*TASK TO CARRY OUT*: Scan the entries below for the word "depth". Copy each line that has it.

*RECORDS FOR THIS TASK*:
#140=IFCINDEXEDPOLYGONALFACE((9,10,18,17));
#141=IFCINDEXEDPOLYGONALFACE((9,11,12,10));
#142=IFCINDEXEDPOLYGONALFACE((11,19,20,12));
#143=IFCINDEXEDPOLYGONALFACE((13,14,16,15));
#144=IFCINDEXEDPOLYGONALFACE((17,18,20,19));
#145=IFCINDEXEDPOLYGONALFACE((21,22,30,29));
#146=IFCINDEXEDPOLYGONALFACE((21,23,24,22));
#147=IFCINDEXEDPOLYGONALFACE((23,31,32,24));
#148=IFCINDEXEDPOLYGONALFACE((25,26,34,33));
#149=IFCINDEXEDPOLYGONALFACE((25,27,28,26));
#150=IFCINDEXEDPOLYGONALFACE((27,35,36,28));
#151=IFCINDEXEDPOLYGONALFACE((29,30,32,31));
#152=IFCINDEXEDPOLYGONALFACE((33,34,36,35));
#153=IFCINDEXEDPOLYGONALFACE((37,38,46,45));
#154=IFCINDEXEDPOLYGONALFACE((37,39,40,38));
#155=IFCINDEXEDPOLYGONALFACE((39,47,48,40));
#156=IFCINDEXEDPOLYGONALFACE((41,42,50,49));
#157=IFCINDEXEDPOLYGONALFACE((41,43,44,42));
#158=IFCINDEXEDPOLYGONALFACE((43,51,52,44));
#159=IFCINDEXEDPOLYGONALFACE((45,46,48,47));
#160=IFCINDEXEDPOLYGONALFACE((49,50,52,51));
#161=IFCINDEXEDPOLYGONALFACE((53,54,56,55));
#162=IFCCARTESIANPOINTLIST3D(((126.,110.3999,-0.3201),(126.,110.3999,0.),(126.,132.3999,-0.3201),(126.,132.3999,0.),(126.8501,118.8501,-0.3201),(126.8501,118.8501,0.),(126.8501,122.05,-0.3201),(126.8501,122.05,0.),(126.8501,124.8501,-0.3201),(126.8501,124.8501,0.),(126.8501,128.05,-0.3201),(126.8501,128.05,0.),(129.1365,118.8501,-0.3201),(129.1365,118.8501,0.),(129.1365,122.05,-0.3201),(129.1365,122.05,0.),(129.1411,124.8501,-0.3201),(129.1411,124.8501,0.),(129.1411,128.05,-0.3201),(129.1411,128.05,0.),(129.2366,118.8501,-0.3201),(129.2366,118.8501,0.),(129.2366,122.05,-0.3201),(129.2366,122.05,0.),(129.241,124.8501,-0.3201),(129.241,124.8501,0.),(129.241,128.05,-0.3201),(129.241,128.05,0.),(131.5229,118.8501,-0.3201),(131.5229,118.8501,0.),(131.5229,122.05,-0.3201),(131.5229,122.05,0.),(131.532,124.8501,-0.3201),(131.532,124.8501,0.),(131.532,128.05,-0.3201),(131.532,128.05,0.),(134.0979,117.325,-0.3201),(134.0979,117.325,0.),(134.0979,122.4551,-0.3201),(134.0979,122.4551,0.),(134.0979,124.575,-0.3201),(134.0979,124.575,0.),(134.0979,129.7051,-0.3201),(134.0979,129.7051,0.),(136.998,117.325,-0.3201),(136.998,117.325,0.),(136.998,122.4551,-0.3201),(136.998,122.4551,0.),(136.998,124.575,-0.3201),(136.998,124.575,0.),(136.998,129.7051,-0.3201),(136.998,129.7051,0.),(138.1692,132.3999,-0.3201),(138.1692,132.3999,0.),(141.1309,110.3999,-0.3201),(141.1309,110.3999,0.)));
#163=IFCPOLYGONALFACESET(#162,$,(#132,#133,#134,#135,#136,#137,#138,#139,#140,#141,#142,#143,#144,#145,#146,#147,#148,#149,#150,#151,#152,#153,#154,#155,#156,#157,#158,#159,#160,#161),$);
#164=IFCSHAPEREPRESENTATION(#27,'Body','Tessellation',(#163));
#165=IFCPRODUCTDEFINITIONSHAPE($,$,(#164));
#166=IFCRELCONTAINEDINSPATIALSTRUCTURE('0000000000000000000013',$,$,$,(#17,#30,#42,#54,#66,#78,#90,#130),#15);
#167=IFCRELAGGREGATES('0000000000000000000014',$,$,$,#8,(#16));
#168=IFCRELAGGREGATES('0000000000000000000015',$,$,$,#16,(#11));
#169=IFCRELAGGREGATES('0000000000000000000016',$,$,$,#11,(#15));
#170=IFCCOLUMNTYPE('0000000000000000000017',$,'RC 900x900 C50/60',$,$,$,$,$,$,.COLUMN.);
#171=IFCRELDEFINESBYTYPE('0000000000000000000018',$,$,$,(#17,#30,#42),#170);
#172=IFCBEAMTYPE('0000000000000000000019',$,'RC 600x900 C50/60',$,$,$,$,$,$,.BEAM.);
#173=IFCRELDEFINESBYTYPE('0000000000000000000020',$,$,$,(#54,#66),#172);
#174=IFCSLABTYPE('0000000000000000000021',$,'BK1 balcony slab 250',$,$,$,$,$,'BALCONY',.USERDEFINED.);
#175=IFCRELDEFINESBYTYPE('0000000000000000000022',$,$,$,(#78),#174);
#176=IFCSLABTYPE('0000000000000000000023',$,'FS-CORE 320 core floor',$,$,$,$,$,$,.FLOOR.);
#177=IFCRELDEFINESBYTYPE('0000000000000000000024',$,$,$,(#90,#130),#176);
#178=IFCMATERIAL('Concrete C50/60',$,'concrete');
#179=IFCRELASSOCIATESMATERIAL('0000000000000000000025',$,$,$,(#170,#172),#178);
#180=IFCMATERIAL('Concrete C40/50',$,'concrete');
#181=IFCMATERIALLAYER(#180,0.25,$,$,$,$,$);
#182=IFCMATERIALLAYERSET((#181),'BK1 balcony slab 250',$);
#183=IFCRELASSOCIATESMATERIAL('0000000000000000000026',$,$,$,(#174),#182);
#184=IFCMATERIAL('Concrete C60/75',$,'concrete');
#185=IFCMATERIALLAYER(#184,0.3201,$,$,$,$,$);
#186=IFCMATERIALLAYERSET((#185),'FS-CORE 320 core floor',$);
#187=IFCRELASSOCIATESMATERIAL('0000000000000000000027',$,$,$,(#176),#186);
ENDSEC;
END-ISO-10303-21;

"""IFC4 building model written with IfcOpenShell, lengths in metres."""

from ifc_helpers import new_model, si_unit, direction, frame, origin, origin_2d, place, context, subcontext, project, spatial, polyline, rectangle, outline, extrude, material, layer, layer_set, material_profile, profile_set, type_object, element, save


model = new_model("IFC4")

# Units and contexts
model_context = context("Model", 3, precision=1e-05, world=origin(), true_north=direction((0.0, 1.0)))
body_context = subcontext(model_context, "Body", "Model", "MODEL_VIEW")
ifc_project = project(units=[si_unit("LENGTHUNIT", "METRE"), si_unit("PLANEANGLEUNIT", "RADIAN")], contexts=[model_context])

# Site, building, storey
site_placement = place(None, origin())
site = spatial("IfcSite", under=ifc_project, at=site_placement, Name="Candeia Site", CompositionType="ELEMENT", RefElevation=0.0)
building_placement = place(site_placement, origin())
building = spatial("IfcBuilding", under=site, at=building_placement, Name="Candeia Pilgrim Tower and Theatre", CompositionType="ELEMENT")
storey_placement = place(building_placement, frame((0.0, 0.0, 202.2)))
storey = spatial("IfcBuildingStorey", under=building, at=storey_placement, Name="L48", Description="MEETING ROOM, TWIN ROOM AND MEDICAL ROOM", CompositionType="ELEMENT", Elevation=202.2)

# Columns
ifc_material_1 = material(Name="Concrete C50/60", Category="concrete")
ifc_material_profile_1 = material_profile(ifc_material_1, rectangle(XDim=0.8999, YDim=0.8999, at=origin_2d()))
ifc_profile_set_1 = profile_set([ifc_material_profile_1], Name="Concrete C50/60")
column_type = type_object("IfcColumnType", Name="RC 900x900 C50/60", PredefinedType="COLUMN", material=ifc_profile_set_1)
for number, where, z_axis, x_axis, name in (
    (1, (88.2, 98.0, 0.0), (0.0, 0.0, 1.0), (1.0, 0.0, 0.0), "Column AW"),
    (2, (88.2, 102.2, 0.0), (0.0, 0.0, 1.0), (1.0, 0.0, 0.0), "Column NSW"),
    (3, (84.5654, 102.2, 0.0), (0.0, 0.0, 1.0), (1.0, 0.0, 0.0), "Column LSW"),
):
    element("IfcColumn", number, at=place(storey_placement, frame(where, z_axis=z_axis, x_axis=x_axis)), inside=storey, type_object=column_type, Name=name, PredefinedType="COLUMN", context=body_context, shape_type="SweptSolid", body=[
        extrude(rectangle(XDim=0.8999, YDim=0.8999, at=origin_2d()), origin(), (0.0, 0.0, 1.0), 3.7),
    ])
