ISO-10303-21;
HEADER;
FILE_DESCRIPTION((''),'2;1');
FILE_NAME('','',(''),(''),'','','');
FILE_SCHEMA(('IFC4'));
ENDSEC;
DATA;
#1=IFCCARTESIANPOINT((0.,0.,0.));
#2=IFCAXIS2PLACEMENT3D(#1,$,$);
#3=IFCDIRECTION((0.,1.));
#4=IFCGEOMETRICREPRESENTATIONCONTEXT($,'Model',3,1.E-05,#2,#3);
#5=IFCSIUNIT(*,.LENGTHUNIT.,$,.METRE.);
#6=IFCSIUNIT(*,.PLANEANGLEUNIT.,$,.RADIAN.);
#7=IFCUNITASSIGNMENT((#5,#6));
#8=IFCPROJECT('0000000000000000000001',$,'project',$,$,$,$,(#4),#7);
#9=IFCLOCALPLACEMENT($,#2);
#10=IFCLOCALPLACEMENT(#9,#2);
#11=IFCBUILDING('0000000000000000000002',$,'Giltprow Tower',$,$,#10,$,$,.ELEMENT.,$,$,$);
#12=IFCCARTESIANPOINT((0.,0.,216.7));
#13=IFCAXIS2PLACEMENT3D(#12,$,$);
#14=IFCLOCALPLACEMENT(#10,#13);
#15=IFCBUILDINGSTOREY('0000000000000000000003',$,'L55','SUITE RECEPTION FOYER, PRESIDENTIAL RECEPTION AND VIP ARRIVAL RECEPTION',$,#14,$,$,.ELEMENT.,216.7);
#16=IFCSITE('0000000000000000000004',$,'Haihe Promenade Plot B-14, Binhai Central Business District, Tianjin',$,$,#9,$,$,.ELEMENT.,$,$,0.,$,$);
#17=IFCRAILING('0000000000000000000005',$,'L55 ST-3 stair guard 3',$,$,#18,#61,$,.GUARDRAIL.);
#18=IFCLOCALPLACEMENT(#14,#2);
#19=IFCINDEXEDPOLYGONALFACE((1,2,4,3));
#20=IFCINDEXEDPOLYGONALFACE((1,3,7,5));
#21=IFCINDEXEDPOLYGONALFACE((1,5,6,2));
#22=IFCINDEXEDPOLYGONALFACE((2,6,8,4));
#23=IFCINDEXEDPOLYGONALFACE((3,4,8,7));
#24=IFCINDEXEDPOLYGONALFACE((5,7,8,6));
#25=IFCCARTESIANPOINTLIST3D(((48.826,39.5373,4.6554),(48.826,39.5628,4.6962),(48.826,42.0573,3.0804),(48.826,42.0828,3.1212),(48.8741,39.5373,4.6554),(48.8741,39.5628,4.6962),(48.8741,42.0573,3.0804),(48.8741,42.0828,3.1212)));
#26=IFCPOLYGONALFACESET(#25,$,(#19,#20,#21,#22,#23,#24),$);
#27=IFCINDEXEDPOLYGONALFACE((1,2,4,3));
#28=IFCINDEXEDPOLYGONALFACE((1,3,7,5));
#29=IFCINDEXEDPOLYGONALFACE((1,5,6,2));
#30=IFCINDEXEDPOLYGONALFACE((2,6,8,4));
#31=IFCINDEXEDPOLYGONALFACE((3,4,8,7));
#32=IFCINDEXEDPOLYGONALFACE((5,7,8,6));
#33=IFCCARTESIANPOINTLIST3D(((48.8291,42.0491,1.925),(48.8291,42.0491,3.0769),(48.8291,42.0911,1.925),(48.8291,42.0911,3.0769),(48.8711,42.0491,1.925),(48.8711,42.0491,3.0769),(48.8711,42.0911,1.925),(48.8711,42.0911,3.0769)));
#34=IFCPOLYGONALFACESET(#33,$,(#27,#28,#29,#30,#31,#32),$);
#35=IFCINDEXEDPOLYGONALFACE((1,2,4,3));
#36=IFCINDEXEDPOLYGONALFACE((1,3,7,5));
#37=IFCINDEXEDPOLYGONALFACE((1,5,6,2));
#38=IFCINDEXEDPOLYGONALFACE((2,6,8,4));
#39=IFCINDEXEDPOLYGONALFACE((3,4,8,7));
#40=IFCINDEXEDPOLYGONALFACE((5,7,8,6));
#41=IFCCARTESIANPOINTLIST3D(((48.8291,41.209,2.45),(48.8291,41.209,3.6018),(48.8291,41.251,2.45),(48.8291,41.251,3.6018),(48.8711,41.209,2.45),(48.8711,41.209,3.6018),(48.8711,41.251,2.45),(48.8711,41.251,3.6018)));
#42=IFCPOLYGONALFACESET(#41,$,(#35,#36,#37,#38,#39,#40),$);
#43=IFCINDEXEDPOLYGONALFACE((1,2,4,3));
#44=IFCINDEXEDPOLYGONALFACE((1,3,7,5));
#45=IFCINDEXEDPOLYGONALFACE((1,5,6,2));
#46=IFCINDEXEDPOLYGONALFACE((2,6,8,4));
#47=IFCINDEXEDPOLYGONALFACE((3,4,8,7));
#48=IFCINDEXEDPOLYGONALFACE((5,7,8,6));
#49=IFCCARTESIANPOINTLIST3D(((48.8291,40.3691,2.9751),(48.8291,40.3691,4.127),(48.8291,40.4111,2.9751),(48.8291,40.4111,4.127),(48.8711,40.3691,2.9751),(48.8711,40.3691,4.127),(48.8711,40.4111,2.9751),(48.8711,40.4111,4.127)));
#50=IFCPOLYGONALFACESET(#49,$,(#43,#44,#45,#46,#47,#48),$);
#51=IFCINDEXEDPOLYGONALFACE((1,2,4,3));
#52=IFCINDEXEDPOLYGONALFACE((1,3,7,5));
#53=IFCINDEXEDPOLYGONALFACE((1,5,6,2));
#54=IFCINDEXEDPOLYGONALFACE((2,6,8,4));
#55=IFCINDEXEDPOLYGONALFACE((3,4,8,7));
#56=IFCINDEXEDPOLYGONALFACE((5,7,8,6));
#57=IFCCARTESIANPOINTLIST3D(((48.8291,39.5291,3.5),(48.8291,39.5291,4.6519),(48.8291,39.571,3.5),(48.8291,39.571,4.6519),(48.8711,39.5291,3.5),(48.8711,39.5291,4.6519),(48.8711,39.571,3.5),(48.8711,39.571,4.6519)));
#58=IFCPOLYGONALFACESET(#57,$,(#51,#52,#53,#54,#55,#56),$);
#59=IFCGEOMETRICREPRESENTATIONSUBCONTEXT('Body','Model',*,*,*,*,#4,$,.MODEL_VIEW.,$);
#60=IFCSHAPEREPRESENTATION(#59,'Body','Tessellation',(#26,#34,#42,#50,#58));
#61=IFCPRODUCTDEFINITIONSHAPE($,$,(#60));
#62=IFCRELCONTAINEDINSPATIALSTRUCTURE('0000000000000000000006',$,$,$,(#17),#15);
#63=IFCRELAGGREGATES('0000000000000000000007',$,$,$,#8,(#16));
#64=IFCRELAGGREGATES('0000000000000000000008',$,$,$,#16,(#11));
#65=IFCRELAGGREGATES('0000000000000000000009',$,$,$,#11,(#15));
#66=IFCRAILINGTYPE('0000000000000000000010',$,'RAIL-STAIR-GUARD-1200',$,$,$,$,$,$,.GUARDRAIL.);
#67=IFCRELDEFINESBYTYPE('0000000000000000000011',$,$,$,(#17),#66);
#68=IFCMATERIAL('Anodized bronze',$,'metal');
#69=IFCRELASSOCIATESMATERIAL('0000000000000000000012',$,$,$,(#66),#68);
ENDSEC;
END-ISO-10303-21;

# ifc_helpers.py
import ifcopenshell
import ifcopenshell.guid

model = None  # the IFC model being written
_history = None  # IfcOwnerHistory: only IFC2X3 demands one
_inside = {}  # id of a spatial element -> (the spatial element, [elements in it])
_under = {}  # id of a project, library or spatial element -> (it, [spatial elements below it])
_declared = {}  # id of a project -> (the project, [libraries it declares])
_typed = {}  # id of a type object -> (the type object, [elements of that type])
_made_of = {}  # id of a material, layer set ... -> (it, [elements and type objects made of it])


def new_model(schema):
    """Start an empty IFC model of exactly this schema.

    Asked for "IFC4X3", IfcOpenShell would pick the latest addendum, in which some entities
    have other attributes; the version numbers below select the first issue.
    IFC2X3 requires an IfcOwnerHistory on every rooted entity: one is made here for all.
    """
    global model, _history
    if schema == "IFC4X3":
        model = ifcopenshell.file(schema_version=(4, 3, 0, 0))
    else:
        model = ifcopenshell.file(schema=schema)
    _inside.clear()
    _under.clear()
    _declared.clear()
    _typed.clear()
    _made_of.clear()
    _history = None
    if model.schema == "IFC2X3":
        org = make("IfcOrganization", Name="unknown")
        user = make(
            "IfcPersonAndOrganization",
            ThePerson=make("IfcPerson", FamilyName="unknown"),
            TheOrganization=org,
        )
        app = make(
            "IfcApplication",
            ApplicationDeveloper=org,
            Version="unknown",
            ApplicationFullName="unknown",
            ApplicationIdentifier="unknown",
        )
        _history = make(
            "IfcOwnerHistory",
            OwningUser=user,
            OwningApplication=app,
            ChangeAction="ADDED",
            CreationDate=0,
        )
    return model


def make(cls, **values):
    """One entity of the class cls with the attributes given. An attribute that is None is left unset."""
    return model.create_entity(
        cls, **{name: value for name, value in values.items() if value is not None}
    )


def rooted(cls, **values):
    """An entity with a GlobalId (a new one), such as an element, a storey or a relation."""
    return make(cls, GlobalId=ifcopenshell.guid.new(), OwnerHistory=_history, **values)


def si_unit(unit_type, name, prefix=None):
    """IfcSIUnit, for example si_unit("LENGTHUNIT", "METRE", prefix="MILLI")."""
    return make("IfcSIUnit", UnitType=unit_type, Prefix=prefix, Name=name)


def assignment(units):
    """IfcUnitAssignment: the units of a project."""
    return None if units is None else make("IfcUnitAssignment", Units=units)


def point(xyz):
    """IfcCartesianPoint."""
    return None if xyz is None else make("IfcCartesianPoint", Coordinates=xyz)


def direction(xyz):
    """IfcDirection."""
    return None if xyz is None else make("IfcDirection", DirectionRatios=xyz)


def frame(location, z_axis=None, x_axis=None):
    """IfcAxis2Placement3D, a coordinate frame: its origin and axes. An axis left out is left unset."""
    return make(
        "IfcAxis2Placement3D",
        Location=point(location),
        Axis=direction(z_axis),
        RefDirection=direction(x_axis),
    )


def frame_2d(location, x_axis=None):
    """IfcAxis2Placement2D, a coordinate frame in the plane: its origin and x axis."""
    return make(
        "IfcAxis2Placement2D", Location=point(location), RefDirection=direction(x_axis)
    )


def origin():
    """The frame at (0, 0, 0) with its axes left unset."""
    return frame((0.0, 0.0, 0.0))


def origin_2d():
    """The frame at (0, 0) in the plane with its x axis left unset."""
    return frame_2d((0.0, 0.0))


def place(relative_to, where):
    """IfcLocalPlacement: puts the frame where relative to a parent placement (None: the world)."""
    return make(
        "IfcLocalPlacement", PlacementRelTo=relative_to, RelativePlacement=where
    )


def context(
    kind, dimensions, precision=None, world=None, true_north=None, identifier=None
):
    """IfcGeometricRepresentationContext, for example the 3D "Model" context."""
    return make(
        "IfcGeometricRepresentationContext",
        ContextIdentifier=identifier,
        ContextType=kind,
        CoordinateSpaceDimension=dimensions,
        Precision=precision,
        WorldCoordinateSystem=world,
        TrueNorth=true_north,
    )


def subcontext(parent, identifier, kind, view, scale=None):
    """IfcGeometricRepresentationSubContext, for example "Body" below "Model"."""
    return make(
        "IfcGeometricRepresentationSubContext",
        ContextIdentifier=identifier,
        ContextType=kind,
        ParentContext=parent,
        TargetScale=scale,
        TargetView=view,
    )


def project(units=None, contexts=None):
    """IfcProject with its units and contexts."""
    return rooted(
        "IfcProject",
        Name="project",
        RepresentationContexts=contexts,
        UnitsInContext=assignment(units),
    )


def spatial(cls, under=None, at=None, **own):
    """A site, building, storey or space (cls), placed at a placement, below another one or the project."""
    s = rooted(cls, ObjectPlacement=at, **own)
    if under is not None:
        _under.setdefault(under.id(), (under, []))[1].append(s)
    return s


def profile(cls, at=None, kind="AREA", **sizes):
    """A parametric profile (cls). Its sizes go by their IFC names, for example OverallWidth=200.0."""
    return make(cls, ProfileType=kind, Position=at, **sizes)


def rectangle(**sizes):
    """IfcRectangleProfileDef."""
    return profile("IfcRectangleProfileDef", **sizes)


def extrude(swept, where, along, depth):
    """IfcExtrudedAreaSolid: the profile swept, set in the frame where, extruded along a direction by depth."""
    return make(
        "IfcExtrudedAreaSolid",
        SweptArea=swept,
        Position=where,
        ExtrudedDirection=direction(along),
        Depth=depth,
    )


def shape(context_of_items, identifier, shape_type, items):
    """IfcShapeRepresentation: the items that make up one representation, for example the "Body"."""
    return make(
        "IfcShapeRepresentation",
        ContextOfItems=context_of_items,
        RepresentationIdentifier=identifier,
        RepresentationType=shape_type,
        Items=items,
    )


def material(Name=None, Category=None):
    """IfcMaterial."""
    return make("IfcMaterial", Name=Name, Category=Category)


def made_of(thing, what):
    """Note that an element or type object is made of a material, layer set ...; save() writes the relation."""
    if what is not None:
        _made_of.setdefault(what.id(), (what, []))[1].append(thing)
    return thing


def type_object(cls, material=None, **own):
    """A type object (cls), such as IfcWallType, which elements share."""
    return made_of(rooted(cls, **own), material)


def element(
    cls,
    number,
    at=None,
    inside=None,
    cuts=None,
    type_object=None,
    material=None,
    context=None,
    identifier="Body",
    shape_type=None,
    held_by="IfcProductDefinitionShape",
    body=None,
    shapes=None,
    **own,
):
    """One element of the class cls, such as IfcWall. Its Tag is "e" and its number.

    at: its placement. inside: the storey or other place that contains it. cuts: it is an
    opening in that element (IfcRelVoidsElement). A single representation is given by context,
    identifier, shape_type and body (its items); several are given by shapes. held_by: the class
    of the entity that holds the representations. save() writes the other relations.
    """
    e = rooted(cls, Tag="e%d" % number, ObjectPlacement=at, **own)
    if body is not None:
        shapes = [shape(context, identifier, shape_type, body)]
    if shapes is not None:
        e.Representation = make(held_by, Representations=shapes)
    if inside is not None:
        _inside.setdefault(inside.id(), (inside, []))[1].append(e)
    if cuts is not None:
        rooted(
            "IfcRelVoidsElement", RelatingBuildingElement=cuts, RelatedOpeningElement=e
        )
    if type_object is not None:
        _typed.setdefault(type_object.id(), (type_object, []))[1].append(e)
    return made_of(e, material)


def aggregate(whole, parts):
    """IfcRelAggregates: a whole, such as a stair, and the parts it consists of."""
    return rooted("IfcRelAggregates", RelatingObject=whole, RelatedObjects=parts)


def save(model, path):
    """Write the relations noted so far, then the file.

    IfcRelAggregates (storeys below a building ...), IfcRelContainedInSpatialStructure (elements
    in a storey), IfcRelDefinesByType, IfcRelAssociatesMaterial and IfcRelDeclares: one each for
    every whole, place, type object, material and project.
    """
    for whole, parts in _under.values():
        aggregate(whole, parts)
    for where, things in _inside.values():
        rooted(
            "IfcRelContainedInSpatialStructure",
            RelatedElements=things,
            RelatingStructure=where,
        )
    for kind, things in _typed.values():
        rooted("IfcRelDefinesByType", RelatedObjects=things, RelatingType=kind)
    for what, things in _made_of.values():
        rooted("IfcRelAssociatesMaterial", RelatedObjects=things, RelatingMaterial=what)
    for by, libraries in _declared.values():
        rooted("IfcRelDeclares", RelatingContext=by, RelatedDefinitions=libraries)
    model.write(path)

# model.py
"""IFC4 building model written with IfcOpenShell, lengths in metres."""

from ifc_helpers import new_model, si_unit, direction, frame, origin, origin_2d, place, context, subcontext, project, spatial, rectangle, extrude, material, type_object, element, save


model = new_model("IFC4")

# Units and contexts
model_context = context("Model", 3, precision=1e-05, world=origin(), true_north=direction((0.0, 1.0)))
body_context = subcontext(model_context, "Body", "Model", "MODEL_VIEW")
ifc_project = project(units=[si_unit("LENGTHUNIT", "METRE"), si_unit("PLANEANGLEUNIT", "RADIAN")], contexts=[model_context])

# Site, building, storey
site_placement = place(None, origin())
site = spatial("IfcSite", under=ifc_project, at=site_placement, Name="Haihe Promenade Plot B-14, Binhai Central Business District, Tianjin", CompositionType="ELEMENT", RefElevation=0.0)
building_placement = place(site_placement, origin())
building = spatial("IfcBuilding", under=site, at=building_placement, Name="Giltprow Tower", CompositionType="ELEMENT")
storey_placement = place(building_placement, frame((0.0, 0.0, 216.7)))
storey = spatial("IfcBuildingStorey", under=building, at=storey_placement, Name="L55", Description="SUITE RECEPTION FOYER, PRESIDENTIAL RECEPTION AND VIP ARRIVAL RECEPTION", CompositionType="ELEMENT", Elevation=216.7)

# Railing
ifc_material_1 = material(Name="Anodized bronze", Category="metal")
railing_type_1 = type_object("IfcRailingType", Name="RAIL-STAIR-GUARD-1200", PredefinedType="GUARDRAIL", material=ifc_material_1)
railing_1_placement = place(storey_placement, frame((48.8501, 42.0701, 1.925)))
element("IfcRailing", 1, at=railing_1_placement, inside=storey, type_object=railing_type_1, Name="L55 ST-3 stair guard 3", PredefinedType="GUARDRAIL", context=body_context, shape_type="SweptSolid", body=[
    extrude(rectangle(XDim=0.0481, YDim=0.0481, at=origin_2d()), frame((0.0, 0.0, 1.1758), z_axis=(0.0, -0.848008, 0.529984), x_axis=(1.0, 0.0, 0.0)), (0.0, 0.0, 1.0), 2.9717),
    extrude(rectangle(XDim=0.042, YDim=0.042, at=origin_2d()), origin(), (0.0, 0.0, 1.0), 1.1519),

*ANSWER TO THE EXERCISE*:
def extrude(swept, where, along, depth):
    """IfcExtrudedAreaSolid: the profile swept, set in the frame where, extruded along a direction by depth."""
        Depth=depth,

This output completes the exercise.